Stored items:
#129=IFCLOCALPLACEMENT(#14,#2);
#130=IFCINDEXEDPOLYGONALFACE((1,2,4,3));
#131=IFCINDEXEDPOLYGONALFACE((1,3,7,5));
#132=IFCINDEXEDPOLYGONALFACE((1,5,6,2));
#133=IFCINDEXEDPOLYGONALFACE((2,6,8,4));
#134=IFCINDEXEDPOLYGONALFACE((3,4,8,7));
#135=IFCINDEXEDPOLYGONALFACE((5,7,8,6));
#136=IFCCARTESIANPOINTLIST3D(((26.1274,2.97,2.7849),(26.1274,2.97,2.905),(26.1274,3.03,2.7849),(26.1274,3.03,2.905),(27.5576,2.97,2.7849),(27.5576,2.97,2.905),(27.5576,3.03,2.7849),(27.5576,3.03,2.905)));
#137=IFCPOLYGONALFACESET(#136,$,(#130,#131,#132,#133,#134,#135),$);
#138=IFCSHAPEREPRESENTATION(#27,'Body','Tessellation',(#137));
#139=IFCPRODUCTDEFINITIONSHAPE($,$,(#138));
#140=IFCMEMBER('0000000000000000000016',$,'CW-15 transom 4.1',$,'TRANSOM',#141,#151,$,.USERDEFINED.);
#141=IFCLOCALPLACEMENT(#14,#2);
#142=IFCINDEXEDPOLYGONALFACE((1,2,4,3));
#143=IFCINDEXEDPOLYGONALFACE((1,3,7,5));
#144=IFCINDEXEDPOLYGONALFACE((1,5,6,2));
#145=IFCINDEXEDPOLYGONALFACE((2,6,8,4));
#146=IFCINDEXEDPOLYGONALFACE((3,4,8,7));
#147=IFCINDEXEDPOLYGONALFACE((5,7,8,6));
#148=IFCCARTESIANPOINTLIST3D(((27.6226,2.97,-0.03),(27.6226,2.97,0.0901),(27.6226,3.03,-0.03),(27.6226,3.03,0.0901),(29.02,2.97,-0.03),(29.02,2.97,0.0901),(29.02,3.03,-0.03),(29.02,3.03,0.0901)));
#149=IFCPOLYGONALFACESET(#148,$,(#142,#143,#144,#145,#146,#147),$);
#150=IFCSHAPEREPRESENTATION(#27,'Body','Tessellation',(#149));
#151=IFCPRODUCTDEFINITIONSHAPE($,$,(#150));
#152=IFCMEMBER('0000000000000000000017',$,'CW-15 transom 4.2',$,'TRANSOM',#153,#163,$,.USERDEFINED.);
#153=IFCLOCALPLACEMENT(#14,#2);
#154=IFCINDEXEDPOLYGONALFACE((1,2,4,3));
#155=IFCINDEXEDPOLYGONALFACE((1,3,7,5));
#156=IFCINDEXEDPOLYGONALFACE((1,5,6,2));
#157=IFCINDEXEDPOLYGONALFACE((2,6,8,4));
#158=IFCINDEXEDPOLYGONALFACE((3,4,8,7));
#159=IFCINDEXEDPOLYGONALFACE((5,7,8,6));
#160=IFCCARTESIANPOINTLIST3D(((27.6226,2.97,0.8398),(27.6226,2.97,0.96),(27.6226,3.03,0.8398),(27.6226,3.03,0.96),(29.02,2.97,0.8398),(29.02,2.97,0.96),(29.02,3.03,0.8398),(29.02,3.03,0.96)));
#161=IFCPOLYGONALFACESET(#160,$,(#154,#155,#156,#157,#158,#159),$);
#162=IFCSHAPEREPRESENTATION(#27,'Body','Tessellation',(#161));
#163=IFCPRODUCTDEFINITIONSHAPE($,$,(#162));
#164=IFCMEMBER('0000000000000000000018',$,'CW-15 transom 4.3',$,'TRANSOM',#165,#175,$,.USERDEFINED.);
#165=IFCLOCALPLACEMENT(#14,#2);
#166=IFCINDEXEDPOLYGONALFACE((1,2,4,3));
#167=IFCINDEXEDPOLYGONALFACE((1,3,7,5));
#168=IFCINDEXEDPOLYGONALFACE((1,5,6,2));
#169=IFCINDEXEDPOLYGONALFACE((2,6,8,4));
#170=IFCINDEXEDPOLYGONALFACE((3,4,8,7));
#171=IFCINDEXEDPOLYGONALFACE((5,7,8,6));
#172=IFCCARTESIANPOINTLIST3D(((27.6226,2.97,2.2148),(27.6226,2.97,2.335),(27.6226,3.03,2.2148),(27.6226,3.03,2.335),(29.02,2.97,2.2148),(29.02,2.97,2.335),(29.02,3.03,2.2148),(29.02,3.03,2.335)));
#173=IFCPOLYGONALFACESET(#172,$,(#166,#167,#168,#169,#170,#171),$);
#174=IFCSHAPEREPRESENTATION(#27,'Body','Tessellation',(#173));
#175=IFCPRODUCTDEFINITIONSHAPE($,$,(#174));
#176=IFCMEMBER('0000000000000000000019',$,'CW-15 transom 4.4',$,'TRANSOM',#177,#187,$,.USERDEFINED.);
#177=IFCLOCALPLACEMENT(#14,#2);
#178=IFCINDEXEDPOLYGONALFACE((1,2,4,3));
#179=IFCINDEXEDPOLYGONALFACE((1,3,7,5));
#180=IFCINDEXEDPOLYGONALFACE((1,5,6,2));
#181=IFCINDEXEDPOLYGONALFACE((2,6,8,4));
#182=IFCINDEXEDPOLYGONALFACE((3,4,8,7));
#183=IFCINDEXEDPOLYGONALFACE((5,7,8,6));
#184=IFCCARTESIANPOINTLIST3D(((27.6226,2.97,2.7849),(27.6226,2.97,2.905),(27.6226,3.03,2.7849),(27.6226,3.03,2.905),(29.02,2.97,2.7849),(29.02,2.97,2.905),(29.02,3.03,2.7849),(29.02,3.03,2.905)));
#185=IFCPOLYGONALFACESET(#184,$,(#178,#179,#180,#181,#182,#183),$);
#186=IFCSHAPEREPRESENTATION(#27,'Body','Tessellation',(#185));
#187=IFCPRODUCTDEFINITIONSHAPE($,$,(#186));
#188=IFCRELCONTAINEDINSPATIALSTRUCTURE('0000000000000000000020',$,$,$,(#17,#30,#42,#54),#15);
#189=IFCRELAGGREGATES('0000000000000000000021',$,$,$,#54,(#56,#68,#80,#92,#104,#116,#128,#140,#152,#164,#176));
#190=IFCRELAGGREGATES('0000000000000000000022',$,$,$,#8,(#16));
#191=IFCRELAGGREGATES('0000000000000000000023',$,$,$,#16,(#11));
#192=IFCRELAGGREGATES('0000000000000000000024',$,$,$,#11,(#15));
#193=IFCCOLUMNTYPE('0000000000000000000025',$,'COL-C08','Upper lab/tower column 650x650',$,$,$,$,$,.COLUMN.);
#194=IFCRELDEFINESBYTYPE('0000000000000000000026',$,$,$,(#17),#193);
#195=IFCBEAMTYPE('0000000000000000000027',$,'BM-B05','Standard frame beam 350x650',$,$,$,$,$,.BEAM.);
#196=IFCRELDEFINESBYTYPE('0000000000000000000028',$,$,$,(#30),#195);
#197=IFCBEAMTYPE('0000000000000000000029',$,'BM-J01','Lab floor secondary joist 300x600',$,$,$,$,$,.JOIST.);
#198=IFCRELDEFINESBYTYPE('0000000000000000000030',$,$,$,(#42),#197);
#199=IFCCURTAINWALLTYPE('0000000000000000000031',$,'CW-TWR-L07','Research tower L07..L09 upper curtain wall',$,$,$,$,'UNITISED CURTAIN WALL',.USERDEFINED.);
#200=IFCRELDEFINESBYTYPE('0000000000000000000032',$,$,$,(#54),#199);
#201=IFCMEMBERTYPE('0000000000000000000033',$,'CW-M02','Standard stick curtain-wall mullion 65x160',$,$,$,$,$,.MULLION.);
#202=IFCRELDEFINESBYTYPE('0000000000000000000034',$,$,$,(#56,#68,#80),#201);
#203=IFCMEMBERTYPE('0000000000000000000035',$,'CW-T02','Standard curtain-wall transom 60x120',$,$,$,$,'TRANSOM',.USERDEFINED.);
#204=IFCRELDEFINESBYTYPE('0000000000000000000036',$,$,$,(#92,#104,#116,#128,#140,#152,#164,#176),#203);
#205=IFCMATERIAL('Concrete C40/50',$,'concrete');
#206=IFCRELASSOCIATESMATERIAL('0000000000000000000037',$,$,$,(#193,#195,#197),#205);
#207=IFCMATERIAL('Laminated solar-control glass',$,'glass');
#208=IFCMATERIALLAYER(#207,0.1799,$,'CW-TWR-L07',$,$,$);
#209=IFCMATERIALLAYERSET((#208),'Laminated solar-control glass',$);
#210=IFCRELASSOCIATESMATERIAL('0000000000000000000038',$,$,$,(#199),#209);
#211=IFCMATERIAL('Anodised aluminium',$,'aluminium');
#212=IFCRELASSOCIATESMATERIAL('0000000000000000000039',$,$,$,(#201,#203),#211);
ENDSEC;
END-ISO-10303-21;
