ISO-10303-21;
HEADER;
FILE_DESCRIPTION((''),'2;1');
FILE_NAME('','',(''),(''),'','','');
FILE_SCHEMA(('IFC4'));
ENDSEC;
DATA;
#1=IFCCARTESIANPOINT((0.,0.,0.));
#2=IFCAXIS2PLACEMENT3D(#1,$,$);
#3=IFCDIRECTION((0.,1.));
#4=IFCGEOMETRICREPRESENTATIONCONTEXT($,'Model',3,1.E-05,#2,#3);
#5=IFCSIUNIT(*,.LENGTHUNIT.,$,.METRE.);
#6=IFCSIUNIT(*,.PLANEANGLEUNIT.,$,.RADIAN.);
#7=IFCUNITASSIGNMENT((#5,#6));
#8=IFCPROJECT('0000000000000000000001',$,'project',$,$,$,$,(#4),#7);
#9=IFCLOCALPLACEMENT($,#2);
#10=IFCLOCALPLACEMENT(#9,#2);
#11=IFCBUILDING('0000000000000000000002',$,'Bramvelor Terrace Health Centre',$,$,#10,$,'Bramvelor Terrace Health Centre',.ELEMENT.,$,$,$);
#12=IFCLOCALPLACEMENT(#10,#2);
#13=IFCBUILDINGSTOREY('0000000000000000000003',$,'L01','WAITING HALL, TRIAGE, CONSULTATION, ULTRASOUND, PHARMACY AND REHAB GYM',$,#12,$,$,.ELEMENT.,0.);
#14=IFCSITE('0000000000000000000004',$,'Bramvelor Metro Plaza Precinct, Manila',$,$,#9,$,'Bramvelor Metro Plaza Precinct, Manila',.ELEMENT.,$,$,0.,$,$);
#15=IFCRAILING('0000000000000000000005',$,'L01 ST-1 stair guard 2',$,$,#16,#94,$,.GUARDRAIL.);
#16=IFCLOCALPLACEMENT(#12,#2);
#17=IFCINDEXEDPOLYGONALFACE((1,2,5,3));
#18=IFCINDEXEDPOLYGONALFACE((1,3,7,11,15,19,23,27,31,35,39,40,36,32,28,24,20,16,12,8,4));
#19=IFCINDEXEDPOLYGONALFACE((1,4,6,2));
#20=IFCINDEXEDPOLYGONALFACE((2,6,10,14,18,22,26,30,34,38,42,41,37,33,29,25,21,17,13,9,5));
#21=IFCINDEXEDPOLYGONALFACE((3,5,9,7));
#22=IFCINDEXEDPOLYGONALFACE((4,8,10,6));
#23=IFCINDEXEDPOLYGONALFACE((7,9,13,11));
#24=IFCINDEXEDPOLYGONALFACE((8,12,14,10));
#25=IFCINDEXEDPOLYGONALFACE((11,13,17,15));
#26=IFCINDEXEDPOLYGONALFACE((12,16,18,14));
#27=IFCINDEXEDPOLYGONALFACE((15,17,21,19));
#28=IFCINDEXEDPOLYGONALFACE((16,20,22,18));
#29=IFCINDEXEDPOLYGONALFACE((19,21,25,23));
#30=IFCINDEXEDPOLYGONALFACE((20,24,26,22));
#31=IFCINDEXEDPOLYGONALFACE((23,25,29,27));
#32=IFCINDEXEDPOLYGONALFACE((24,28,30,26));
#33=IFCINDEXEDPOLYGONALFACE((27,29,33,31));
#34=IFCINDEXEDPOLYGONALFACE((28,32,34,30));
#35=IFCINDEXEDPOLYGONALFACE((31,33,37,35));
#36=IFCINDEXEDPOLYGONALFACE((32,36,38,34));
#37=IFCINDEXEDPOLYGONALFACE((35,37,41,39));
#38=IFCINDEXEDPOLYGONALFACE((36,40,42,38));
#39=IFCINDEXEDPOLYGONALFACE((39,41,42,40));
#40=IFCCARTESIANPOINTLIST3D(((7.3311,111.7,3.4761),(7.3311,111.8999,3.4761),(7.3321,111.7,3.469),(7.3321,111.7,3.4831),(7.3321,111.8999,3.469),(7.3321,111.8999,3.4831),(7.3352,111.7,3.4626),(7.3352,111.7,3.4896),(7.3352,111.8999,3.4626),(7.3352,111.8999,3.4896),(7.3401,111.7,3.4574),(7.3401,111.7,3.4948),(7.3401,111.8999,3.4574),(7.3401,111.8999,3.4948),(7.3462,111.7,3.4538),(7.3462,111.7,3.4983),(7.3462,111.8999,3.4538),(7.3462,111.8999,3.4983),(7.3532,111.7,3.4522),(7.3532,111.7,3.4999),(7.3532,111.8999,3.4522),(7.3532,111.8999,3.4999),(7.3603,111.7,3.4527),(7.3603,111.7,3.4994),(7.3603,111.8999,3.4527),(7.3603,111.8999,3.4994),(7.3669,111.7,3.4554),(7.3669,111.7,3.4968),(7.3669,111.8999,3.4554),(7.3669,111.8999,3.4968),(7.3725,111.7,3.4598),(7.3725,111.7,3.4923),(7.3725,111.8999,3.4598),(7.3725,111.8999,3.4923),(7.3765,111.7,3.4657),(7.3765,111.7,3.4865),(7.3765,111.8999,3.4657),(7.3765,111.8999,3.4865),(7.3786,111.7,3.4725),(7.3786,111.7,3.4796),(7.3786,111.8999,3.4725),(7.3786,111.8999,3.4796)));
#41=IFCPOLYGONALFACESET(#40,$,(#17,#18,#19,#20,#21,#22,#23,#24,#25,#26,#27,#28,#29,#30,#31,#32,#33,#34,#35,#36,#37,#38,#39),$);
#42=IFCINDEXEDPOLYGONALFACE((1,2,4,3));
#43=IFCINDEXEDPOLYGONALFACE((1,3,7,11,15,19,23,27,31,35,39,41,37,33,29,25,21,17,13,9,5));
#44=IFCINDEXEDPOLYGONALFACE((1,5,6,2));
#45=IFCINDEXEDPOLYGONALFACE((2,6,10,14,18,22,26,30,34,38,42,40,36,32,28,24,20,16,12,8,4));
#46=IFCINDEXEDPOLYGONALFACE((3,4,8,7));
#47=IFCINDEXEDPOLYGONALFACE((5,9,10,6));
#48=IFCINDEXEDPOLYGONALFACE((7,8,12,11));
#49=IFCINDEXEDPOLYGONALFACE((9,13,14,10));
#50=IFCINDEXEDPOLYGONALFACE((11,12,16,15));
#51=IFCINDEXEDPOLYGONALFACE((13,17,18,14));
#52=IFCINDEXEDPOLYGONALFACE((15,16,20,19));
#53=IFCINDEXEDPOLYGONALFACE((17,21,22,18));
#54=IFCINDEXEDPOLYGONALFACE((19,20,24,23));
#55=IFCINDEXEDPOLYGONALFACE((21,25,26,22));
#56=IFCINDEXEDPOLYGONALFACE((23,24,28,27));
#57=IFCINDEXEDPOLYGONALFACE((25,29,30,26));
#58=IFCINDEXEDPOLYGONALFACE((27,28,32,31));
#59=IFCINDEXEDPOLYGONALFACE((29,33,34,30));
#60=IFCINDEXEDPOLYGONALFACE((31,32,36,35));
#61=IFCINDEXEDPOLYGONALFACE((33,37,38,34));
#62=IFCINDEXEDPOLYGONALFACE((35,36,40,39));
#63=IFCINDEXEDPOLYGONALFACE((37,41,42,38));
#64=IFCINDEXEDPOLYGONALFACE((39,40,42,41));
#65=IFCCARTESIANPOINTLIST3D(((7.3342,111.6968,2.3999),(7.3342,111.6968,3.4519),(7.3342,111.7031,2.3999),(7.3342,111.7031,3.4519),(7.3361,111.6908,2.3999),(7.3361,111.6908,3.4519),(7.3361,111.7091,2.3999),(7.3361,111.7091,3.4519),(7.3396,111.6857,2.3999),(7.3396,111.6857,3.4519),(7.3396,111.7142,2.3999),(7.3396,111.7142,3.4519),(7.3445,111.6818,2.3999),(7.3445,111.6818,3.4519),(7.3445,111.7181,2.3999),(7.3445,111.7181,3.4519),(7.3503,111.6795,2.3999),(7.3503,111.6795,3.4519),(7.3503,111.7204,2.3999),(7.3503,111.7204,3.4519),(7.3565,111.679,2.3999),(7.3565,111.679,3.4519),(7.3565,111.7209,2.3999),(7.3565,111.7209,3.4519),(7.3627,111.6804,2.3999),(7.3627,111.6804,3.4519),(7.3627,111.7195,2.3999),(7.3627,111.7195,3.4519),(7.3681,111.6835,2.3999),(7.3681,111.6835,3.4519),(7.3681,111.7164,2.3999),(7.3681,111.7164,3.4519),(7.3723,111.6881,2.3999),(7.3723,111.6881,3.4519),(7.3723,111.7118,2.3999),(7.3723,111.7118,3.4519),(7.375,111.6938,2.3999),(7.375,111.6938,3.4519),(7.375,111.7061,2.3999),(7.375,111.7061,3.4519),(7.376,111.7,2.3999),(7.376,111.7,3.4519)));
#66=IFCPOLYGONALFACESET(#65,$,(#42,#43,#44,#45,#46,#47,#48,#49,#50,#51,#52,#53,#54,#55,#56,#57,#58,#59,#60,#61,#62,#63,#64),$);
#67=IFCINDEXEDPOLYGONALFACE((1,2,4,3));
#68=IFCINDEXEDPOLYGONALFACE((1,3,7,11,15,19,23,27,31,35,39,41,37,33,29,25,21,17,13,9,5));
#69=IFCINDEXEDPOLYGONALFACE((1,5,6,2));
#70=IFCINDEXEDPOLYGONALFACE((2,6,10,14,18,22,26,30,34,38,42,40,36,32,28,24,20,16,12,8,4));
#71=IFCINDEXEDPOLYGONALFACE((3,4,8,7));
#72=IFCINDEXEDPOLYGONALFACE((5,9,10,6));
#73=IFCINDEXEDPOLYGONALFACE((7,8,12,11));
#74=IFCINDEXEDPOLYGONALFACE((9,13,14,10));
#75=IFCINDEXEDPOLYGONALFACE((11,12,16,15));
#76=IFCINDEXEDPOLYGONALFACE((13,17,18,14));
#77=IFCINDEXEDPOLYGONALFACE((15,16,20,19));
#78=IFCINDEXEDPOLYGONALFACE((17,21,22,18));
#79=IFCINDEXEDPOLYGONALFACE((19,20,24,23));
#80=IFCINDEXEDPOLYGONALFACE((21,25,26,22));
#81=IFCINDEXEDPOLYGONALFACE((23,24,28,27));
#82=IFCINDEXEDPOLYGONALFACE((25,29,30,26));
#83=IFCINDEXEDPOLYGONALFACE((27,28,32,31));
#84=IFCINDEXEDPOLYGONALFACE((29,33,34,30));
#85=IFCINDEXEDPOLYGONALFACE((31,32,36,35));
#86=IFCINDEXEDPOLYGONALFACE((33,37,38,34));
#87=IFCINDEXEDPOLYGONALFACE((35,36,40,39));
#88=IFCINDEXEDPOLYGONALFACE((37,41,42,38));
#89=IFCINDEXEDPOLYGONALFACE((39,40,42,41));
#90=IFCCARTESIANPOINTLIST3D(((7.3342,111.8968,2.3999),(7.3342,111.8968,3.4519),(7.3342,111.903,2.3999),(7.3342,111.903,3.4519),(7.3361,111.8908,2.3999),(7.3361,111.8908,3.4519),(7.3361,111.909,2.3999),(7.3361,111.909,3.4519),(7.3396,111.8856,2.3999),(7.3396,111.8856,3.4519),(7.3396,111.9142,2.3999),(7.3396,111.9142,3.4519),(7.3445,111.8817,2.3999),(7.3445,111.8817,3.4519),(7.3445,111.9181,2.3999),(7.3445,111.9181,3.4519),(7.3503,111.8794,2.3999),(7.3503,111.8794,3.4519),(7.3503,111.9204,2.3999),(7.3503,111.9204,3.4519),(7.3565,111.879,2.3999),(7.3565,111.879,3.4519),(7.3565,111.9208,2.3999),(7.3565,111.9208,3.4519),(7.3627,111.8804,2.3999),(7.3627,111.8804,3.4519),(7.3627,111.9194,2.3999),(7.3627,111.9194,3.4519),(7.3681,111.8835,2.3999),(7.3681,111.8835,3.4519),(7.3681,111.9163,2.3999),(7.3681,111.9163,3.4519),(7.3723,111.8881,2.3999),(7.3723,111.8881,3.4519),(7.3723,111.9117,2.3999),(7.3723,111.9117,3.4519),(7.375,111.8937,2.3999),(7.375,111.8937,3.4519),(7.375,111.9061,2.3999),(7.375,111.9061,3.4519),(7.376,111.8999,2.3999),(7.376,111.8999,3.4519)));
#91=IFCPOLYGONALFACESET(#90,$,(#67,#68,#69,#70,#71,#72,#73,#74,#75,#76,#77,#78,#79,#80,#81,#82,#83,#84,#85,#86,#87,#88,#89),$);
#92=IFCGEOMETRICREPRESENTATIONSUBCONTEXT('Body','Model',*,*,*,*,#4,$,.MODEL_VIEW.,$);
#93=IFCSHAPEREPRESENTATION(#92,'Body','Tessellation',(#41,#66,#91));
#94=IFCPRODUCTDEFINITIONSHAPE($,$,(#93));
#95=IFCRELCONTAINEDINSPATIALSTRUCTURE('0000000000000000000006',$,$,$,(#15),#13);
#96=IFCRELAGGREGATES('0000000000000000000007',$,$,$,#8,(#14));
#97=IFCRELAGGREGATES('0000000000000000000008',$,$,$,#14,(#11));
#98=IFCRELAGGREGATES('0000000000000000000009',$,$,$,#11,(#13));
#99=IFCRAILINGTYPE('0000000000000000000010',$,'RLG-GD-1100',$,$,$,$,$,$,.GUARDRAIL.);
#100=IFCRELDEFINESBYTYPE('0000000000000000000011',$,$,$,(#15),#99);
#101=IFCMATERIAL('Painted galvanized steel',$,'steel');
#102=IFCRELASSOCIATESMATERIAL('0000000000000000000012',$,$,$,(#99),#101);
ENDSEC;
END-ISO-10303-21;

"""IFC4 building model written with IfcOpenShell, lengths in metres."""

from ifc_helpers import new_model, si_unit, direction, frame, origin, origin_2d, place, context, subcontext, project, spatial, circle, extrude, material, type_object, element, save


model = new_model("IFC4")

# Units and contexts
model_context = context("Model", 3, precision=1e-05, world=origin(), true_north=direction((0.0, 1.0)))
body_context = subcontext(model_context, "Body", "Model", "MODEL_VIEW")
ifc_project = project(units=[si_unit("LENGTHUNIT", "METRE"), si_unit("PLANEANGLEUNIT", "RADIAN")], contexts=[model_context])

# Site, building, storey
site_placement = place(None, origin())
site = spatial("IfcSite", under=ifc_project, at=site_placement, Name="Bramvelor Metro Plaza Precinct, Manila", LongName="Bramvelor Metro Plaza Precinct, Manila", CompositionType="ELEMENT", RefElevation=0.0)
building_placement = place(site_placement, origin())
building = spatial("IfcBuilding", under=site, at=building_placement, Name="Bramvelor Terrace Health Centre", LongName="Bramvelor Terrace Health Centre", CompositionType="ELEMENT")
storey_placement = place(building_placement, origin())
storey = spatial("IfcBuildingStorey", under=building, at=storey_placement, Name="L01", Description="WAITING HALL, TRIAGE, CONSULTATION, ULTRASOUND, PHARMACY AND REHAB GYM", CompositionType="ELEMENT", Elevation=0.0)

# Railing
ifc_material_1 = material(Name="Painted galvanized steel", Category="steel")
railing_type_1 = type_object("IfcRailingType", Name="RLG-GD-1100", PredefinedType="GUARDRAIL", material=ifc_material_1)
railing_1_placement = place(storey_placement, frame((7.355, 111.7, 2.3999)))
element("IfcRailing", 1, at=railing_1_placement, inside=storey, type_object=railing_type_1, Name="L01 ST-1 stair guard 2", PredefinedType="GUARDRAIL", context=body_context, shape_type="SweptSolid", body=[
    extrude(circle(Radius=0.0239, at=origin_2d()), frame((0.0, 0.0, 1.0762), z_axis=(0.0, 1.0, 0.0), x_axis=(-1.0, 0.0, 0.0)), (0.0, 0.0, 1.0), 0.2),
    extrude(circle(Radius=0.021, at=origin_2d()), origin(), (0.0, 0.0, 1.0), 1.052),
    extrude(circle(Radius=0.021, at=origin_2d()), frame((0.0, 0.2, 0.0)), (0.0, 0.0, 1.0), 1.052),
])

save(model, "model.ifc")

**THE PROBLEM**. Retype only this portion of the data above: the line containing "#46=IFCINDEXEDPOLYGONALFACE((3,4,8,7));", the line containing "#51=IFCINDEXEDPOLYGONALFACE((13,17,18,14));", and all lines between them, exactly.

**SOLUTION TO THIS TASK**.
#46=IFCINDEXEDPOLYGONALFACE((3,4,8,7));
#47=IFCINDEXEDPOLYGONALFACE((5,9,10,6));
#48=IFCINDEXEDPOLYGONALFACE((7,8,12,11));
#49=IFCINDEXEDPOLYGONALFACE((9,13,14,10));
#50=IFCINDEXEDPOLYGONALFACE((11,12,16,15));
#51=IFCINDEXEDPOLYGONALFACE((13,17,18,14));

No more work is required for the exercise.